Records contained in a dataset
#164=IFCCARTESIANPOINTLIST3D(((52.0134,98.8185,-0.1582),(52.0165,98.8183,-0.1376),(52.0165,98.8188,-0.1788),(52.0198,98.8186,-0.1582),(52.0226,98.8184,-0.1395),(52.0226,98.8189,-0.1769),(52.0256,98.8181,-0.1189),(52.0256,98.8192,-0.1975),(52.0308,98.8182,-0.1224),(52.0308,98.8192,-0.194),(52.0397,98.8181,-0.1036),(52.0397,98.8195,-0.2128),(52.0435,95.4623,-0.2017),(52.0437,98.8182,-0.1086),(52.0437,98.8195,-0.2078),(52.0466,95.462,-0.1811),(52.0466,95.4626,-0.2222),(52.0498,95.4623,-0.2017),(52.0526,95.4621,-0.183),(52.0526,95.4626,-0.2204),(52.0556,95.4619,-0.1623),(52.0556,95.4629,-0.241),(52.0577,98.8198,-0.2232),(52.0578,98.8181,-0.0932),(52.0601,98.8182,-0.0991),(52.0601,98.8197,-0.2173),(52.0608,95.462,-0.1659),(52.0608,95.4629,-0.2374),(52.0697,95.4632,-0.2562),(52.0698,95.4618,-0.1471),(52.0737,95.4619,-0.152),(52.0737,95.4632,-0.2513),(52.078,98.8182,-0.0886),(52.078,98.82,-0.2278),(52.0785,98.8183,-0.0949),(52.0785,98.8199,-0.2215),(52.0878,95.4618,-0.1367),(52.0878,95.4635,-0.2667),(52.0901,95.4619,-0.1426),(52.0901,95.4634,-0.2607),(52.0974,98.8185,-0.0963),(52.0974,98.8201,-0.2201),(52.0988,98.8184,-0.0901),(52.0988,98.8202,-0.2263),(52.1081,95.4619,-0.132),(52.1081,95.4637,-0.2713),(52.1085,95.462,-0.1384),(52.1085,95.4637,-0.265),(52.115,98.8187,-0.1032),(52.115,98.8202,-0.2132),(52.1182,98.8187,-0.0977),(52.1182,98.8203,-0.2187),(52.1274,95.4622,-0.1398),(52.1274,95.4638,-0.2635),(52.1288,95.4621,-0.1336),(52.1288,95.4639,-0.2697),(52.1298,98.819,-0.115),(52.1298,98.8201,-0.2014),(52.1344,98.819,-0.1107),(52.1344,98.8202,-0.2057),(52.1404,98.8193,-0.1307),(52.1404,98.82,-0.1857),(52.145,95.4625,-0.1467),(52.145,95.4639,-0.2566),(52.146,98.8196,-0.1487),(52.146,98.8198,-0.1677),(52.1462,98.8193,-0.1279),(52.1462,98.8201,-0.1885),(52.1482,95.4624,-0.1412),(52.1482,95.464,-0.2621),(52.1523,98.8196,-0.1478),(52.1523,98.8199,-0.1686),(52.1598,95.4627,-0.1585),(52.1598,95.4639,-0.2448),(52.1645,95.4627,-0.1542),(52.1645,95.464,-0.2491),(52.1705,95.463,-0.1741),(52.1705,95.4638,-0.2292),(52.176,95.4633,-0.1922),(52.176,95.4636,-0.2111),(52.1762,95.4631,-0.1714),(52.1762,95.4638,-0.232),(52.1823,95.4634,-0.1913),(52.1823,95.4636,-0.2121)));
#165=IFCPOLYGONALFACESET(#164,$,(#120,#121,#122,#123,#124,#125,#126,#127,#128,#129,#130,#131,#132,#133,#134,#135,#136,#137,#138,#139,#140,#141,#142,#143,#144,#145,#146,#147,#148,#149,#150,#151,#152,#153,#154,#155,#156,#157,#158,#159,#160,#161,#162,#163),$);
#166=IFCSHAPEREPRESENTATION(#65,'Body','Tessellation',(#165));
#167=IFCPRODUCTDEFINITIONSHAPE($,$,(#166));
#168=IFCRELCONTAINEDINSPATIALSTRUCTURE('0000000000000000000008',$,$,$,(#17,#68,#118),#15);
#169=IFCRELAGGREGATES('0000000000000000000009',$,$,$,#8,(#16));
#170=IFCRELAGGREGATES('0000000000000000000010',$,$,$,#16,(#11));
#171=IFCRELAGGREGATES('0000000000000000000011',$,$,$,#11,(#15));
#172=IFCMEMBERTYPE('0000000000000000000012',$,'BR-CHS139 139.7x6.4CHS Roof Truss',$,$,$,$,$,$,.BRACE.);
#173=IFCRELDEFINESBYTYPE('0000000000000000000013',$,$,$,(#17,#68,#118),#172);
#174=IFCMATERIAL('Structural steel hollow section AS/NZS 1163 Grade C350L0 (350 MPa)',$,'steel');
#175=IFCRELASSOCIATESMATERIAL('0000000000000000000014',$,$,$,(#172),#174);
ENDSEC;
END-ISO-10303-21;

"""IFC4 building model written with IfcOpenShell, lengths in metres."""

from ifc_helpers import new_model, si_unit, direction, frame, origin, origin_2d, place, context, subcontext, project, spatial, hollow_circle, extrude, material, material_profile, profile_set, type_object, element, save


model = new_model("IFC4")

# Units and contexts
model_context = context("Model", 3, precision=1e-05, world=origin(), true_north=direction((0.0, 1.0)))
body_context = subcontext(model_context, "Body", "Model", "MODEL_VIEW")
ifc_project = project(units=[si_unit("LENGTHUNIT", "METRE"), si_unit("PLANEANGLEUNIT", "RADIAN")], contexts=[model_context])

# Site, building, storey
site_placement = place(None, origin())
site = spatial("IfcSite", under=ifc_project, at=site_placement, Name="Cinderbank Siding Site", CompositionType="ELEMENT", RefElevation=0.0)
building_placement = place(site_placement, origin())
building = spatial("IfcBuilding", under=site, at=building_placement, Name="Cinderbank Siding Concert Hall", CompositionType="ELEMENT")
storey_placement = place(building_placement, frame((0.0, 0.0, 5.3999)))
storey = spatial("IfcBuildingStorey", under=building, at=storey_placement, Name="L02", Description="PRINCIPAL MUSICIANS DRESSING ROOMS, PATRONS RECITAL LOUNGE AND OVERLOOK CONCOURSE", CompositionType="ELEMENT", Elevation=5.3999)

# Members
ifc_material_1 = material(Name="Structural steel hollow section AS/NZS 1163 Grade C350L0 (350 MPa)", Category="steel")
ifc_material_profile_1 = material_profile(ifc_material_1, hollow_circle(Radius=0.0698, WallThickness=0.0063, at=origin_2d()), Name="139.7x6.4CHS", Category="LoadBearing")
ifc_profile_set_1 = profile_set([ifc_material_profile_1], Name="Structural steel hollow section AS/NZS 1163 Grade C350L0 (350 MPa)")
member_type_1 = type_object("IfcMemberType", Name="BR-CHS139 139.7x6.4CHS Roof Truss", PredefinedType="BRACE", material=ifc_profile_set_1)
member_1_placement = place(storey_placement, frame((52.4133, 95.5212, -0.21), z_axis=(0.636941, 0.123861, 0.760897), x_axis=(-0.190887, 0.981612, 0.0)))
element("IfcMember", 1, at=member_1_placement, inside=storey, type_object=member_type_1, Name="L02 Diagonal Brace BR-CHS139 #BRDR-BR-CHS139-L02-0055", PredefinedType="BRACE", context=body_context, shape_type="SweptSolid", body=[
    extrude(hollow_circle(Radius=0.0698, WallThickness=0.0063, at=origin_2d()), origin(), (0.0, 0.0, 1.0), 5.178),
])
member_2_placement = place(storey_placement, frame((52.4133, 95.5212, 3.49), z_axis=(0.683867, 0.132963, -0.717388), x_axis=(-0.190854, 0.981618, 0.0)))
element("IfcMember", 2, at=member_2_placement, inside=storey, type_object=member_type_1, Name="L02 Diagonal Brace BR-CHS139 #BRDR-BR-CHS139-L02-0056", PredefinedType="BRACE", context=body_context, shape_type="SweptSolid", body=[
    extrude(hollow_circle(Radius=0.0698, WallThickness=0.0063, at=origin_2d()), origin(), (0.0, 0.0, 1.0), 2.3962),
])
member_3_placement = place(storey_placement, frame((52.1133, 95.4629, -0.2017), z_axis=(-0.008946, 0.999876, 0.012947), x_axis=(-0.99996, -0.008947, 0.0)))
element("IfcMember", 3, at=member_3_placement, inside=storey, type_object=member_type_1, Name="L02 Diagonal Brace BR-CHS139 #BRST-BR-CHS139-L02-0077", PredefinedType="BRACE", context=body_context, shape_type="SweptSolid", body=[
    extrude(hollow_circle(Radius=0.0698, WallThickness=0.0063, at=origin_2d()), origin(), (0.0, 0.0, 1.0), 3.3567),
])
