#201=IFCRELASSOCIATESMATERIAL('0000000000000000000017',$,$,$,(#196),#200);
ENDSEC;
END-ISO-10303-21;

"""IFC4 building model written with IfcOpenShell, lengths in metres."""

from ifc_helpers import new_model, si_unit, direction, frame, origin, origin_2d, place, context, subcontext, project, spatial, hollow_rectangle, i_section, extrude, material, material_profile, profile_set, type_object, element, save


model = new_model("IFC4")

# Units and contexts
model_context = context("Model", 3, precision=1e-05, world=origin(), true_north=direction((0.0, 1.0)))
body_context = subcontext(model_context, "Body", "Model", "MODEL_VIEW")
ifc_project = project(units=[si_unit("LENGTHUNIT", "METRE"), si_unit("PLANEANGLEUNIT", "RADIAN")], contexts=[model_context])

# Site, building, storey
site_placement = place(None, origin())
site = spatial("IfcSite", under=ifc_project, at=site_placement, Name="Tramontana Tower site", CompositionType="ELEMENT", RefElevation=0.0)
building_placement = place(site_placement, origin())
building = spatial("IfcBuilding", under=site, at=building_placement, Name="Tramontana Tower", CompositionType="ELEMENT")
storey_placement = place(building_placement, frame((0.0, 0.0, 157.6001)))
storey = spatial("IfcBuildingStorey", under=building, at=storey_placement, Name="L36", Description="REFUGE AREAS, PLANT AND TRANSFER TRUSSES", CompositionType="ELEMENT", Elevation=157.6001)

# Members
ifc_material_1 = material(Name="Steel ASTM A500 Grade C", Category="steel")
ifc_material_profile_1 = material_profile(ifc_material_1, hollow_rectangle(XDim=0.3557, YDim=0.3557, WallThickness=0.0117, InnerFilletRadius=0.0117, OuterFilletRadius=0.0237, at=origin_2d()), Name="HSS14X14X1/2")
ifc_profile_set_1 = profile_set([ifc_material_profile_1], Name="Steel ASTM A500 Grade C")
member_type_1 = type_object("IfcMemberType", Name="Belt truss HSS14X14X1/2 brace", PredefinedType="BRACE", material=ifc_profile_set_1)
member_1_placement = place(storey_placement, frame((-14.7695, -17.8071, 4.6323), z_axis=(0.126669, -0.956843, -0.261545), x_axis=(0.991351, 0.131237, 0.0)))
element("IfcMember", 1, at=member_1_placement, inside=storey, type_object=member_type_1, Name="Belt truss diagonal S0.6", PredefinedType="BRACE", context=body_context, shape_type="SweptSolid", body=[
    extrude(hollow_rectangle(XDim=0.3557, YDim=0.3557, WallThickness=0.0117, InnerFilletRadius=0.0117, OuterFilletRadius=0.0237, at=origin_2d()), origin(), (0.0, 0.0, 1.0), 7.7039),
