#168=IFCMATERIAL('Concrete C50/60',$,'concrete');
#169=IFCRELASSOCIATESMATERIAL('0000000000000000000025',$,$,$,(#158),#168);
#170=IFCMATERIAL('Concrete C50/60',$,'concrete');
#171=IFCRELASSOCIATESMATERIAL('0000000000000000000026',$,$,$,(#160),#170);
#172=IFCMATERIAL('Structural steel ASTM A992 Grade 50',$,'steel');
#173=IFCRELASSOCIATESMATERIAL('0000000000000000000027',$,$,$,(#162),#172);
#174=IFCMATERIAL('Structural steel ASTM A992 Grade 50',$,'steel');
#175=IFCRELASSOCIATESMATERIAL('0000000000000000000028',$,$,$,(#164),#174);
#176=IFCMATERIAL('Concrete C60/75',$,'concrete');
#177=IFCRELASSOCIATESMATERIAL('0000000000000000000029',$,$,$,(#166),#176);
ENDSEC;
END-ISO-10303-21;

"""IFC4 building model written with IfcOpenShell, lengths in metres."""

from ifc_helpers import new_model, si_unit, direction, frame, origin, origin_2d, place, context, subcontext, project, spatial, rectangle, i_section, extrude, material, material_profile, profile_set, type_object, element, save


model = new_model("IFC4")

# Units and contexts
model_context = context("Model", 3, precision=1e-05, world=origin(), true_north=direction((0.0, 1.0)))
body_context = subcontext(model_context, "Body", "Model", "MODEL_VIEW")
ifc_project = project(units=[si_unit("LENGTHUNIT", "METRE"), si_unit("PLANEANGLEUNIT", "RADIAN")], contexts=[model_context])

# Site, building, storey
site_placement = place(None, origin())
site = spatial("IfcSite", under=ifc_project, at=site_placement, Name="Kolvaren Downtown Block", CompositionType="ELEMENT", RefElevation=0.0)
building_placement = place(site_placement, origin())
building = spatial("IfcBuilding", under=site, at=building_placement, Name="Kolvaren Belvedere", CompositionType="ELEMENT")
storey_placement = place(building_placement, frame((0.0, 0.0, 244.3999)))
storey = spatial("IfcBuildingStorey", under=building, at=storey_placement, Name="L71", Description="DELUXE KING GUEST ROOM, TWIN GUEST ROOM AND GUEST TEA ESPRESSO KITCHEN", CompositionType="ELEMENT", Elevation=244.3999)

### Your task
Scan the records above for the string "IFCMATERIAL", then select every line that holds it.

### Solution to this problem
#174=IFCMATERIAL('Structural steel hollow section AS/NZS 1163 Grade C350L0 (350 MPa)',$,'steel');
#168=IFCMATERIAL('Concrete C50/60',$,'concrete');
#170=IFCMATERIAL('Concrete C50/60',$,'concrete');
#172=IFCMATERIAL('Structural steel ASTM A992 Grade 50',$,'steel');
#174=IFCMATERIAL('Structural steel ASTM A992 Grade 50',$,'steel');
#176=IFCMATERIAL('Concrete C60/75',$,'concrete');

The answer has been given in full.